%%
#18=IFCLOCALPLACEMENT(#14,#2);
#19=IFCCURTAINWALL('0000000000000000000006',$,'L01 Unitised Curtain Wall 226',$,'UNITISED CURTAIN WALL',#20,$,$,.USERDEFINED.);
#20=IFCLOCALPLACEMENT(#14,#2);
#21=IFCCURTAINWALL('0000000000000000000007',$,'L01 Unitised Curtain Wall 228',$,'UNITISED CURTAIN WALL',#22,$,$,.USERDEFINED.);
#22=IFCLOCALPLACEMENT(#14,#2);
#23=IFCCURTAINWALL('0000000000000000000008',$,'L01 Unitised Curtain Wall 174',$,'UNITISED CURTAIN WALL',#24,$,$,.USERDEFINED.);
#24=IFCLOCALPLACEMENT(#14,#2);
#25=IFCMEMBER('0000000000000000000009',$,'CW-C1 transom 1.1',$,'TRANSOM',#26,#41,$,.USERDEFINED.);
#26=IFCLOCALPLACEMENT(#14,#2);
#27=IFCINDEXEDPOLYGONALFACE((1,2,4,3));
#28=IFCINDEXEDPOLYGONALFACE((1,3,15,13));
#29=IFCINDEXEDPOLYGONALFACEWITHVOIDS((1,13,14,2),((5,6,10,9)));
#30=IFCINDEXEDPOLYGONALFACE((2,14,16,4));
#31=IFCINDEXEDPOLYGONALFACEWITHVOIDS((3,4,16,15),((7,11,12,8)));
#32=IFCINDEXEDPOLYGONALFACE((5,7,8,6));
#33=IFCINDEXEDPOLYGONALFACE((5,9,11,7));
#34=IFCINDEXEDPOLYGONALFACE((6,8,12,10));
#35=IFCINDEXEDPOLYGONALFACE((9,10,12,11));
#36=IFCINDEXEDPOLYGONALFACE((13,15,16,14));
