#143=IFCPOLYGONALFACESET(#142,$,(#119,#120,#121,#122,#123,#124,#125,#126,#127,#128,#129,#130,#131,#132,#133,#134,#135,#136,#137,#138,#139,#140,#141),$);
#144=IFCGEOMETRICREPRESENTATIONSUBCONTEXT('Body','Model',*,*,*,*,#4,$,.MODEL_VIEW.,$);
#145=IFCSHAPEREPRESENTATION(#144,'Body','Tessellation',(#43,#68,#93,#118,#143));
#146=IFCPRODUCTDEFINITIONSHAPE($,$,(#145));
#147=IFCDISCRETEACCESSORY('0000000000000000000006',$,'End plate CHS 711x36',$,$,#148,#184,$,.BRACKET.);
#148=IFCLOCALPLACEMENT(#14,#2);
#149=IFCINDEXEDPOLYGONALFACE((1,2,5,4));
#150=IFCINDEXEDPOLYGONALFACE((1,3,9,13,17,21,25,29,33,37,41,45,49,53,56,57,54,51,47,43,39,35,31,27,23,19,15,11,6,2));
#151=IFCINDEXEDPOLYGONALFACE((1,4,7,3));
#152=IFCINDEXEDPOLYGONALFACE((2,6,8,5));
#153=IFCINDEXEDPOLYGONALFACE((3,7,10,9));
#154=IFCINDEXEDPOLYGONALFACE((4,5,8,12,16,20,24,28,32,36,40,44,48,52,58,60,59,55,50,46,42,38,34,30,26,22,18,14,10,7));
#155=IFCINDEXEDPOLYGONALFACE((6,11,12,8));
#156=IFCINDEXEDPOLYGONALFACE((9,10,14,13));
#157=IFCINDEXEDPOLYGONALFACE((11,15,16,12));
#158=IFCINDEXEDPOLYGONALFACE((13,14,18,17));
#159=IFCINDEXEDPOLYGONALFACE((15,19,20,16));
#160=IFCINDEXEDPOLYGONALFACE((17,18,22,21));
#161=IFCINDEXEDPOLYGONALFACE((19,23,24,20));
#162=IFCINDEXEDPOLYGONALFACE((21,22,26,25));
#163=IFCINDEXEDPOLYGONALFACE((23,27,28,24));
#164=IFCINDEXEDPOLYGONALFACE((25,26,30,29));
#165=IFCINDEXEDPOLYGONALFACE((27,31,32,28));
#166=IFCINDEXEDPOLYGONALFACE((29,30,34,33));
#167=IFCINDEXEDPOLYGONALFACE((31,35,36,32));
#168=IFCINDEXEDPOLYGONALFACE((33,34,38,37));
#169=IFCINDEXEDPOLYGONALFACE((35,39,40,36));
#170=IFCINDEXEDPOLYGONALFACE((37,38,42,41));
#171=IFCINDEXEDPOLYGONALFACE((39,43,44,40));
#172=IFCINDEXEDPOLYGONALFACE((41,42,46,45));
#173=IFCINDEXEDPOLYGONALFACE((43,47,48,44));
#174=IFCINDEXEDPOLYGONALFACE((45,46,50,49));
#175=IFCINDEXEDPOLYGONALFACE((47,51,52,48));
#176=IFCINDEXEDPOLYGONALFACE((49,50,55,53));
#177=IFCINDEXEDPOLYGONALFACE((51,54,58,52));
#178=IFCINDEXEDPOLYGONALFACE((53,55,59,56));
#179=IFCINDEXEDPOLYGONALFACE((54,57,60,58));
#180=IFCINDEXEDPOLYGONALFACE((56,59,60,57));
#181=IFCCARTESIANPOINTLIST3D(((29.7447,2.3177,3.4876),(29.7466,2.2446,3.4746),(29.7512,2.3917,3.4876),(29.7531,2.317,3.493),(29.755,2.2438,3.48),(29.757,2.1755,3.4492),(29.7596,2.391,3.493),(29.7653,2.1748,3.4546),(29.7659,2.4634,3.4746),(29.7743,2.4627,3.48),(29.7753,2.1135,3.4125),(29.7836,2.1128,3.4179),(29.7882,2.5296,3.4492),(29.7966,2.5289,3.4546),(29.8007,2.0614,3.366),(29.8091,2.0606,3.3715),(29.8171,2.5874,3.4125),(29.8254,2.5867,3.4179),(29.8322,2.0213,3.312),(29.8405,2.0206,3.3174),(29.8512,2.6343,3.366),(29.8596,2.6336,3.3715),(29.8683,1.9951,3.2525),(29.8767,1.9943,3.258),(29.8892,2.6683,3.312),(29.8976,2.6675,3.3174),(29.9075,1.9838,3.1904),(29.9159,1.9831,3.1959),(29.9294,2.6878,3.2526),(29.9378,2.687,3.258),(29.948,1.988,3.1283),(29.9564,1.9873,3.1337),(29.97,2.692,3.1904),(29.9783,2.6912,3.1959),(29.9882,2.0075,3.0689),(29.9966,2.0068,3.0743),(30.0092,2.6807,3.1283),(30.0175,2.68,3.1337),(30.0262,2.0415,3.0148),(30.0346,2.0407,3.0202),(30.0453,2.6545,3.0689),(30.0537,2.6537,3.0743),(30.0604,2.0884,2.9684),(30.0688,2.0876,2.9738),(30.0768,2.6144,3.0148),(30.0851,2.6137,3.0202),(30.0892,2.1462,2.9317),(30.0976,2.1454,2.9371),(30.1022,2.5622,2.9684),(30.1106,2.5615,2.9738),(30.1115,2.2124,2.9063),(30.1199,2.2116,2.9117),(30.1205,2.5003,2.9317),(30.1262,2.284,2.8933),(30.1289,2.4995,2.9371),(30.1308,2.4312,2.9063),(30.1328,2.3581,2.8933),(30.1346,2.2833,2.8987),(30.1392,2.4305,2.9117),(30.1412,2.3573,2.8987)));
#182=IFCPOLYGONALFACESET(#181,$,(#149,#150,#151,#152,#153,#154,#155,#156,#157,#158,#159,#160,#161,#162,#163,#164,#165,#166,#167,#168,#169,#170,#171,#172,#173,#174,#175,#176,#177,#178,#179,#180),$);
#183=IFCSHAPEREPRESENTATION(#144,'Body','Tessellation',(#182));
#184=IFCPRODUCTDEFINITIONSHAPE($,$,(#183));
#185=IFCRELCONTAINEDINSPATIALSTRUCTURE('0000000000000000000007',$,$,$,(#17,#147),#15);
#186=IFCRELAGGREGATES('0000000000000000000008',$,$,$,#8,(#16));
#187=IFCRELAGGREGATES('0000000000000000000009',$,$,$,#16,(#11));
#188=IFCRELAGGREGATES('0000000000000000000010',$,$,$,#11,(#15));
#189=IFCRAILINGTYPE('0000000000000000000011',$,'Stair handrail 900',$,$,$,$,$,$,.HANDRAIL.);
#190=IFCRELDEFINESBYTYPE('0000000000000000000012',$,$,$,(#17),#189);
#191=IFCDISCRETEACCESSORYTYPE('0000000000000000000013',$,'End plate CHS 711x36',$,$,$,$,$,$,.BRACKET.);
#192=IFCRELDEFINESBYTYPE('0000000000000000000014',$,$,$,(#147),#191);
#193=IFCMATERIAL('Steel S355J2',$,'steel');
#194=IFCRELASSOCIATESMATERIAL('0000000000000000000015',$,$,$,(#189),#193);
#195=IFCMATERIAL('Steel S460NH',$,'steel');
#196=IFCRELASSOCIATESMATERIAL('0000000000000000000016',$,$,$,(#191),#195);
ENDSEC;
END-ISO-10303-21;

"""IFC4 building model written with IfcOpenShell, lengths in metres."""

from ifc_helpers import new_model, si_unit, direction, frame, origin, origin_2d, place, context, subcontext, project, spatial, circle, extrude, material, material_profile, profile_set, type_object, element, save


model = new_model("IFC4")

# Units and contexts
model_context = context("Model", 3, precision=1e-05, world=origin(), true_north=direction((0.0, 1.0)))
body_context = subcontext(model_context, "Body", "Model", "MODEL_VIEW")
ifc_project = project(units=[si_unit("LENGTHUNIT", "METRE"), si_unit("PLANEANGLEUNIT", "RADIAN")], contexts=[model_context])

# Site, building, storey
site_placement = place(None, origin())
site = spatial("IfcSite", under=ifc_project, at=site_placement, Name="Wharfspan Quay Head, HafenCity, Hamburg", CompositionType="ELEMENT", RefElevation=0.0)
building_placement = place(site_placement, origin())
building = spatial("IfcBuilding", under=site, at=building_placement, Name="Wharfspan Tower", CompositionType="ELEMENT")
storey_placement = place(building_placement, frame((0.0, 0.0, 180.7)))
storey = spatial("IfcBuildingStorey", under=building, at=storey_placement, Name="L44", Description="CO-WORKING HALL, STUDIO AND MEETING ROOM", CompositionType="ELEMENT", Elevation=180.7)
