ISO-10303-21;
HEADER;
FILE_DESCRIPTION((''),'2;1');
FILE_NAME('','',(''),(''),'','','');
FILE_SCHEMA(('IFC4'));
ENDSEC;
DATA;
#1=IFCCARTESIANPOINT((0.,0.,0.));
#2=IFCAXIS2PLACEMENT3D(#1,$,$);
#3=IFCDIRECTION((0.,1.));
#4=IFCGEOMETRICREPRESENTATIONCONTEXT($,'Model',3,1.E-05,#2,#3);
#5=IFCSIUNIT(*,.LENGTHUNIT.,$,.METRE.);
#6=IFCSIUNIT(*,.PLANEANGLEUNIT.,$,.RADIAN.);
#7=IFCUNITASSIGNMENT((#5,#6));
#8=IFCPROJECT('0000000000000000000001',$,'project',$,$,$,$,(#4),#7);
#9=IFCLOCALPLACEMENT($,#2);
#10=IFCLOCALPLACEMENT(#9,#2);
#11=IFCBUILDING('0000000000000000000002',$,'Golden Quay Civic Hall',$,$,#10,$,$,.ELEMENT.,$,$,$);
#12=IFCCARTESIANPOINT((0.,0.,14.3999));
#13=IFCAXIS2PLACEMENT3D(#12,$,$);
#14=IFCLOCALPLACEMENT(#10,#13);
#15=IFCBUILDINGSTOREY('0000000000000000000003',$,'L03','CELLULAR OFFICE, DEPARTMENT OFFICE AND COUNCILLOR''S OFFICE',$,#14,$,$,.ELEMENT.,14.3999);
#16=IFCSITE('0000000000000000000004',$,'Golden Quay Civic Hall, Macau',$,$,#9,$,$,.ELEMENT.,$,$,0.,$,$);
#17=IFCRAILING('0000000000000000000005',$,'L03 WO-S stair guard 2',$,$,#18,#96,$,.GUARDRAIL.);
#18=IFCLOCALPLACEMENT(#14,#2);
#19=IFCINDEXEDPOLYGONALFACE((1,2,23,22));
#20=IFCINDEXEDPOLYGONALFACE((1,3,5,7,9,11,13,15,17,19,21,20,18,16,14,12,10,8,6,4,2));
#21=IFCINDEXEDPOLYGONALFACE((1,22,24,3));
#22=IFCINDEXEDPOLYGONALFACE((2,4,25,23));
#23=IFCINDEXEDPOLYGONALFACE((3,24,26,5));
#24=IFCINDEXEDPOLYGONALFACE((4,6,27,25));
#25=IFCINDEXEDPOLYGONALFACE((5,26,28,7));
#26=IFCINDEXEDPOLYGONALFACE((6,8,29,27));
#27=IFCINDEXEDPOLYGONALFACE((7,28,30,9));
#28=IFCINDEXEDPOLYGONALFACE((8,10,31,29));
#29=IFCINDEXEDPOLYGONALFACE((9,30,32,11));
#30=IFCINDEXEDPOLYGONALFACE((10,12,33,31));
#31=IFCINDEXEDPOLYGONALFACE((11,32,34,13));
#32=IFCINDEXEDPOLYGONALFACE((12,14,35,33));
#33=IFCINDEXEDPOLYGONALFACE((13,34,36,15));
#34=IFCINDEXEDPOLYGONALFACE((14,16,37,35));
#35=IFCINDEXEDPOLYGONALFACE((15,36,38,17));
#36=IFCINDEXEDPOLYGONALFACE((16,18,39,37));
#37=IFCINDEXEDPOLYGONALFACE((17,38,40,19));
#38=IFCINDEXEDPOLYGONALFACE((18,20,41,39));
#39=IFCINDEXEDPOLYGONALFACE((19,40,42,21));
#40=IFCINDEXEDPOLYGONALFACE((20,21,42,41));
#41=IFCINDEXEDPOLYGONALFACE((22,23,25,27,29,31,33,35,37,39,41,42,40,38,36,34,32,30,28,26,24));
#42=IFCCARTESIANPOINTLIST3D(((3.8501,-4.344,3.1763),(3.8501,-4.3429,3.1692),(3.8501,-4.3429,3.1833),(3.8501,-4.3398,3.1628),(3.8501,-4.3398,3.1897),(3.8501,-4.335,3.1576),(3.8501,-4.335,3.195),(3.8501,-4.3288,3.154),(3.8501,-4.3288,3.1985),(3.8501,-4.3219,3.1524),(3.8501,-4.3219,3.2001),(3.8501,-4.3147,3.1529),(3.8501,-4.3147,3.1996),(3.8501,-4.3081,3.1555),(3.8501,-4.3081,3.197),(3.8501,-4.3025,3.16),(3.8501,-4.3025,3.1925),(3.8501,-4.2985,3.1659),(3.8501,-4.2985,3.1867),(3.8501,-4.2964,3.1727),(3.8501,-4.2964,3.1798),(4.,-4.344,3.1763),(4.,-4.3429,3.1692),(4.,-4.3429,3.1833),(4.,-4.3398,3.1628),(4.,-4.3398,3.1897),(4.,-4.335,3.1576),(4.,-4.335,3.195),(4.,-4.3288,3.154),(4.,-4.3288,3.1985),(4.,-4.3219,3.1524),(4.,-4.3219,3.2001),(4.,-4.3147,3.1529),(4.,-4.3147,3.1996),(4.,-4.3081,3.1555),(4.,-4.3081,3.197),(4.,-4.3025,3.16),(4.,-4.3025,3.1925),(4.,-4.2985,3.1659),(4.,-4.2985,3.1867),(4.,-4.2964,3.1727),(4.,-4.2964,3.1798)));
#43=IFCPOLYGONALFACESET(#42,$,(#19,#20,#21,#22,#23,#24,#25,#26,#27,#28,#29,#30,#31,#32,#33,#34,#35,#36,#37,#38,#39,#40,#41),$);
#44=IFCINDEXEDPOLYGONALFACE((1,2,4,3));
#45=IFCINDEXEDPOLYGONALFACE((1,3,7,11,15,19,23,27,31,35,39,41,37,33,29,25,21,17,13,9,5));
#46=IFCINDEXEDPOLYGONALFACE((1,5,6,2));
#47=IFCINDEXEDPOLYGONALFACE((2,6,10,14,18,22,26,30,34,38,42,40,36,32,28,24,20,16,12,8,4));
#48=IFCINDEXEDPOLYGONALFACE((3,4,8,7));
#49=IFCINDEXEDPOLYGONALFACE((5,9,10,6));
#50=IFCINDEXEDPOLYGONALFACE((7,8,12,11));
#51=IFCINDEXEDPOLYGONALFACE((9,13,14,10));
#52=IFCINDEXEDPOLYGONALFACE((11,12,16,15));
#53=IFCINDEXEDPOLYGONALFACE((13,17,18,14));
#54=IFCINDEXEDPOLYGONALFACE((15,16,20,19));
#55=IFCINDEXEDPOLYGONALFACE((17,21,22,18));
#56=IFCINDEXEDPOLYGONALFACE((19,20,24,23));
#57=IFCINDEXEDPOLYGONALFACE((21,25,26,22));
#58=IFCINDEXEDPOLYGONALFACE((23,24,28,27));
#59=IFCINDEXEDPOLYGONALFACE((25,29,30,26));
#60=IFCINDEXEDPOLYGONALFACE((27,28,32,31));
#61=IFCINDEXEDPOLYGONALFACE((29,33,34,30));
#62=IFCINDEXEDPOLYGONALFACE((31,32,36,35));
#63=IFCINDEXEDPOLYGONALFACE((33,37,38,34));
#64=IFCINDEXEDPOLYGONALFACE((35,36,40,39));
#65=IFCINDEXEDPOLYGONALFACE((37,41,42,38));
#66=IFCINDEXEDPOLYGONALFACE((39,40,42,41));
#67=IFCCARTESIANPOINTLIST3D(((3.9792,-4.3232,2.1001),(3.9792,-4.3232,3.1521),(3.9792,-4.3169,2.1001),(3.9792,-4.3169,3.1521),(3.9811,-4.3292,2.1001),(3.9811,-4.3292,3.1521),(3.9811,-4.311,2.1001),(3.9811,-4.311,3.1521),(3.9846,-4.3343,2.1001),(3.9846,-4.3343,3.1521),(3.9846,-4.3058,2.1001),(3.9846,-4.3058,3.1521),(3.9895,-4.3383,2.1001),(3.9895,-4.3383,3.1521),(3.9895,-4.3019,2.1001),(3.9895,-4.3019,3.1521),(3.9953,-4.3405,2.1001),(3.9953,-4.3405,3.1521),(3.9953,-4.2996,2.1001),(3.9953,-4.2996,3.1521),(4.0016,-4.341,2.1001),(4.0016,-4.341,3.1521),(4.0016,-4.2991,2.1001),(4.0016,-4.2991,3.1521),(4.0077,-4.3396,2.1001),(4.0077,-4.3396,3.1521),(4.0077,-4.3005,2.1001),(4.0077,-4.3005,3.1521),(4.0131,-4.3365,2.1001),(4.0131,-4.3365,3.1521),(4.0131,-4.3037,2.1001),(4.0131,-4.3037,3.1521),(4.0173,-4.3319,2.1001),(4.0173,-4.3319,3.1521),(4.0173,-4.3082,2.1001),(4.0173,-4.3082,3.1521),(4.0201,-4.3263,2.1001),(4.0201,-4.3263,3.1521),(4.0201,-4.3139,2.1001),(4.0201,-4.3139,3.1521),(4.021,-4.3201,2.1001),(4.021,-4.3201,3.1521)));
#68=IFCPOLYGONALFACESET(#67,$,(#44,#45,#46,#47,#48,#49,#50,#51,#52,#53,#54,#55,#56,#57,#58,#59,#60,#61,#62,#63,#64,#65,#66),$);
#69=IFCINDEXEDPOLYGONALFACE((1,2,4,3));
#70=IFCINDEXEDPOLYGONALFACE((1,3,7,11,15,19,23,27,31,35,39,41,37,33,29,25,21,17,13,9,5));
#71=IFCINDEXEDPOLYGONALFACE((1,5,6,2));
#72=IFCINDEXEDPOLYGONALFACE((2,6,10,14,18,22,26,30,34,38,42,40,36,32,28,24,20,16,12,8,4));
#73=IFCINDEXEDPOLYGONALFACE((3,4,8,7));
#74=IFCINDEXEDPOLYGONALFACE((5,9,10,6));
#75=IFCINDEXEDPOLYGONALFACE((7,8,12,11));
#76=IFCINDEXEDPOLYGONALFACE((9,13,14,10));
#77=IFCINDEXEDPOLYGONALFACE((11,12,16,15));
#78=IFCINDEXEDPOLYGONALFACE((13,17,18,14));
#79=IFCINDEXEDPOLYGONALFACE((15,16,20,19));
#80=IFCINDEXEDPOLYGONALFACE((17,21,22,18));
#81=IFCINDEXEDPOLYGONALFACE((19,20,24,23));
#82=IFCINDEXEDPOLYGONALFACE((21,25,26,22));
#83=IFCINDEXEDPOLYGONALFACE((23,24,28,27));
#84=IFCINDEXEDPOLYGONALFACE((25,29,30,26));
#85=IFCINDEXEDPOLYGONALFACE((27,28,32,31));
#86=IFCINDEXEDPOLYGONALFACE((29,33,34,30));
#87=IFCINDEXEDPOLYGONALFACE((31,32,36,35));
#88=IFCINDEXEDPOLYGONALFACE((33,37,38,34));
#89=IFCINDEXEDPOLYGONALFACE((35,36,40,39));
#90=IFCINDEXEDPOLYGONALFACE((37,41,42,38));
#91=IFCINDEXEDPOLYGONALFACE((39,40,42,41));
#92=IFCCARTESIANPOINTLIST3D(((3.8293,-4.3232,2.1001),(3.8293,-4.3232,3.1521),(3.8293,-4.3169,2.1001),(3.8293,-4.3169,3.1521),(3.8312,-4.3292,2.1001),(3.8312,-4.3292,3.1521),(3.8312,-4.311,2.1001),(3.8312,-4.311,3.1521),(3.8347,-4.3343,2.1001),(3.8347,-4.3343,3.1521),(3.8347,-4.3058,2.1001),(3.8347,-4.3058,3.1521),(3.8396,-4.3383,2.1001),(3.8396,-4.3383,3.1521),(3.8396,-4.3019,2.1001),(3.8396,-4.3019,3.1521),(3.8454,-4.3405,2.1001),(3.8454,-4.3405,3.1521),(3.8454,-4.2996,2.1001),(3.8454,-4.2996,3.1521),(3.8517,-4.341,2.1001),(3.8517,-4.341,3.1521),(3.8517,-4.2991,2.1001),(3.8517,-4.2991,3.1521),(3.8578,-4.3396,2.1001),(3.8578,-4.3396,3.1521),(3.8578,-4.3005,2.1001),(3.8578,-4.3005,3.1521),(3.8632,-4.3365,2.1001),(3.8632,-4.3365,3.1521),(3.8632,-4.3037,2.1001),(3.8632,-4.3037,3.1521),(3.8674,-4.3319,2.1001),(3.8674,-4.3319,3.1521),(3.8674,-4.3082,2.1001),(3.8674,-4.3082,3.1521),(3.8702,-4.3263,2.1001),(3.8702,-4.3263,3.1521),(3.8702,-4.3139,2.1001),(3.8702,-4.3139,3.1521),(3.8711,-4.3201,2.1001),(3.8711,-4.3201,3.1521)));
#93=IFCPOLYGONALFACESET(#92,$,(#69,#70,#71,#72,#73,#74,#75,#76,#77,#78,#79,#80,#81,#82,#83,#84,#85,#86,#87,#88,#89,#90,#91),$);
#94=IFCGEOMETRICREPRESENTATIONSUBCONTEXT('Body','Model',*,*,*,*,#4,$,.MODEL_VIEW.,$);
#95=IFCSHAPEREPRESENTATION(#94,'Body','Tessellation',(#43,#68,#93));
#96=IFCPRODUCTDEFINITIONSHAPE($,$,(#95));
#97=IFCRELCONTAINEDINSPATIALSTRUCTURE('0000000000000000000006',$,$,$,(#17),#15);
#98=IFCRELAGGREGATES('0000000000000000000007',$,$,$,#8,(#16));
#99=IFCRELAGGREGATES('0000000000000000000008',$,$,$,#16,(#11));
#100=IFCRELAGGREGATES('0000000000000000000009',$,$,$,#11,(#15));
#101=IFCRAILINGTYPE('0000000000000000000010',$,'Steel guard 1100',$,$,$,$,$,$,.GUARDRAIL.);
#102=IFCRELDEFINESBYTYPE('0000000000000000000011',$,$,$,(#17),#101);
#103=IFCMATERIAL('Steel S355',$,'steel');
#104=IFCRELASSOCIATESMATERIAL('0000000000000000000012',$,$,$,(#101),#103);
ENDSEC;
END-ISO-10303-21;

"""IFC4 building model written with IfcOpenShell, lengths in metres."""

from ifc_helpers import new_model, si_unit, direction, frame, origin, origin_2d, place, context, subcontext, project, spatial, circle, extrude, material, type_object, element, save


model = new_model("IFC4")

# Units and contexts
model_context = context("Model", 3, precision=1e-05, world=origin(), true_north=direction((0.0, 1.0)))
body_context = subcontext(model_context, "Body", "Model", "MODEL_VIEW")
ifc_project = project(units=[si_unit("LENGTHUNIT", "METRE"), si_unit("PLANEANGLEUNIT", "RADIAN")], contexts=[model_context])

# Site, building, storey
site_placement = place(None, origin())
site = spatial("IfcSite", under=ifc_project, at=site_placement, Name="Golden Quay Civic Hall, Macau", CompositionType="ELEMENT", RefElevation=0.0)
building_placement = place(site_placement, origin())
building = spatial("IfcBuilding", under=site, at=building_placement, Name="Golden Quay Civic Hall", CompositionType="ELEMENT")
storey_placement = place(building_placement, frame((0.0, 0.0, 14.3999)))
storey = spatial("IfcBuildingStorey", under=building, at=storey_placement, Name="L03", Description="CELLULAR OFFICE, DEPARTMENT OFFICE AND COUNCILLOR'S OFFICE", CompositionType="ELEMENT", Elevation=14.3999)

# Railing
ifc_material_1 = material(Name="Steel S355", Category="steel")
railing_type_1 = type_object("IfcRailingType", Name="Steel guard 1100", PredefinedType="GUARDRAIL", material=ifc_material_1)
railing_1_placement = place(storey_placement, frame((4.0, -4.3201, 2.1001)))
element("IfcRailing", 1, at=railing_1_placement, inside=storey, type_object=railing_type_1, Name="L03 WO-S stair guard 2", PredefinedType="GUARDRAIL", context=body_context, shape_type="SweptSolid", body=[
    extrude(circle(Radius=0.0239, at=origin_2d()), frame((0.0, 0.0, 1.0762), z_axis=(-1.0, 0.0, 0.0), x_axis=(0.0, -1.0, 0.0)), (0.0, 0.0, 1.0), 0.1499),
    extrude(circle(Radius=0.021, at=origin_2d()), origin(), (0.0, 0.0, 1.0), 1.052),
    extrude(circle(Radius=0.021, at=origin_2d()), frame((-0.1499, 0.0, 0.0)), (0.0, 0.0, 1.0), 1.052),
])

save(model, "model.ifc")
%%
_EXERCISE AIM:_ Could you copy each line of the material that holds "IFCSIUNIT"?

_ANSWER FOR THIS EXERCISE:_
#5=IFCSIUNIT(*,.LENGTHUNIT.,$,.METRE.);
#6=IFCSIUNIT(*,.PLANEANGLEUNIT.,$,.RADIAN.);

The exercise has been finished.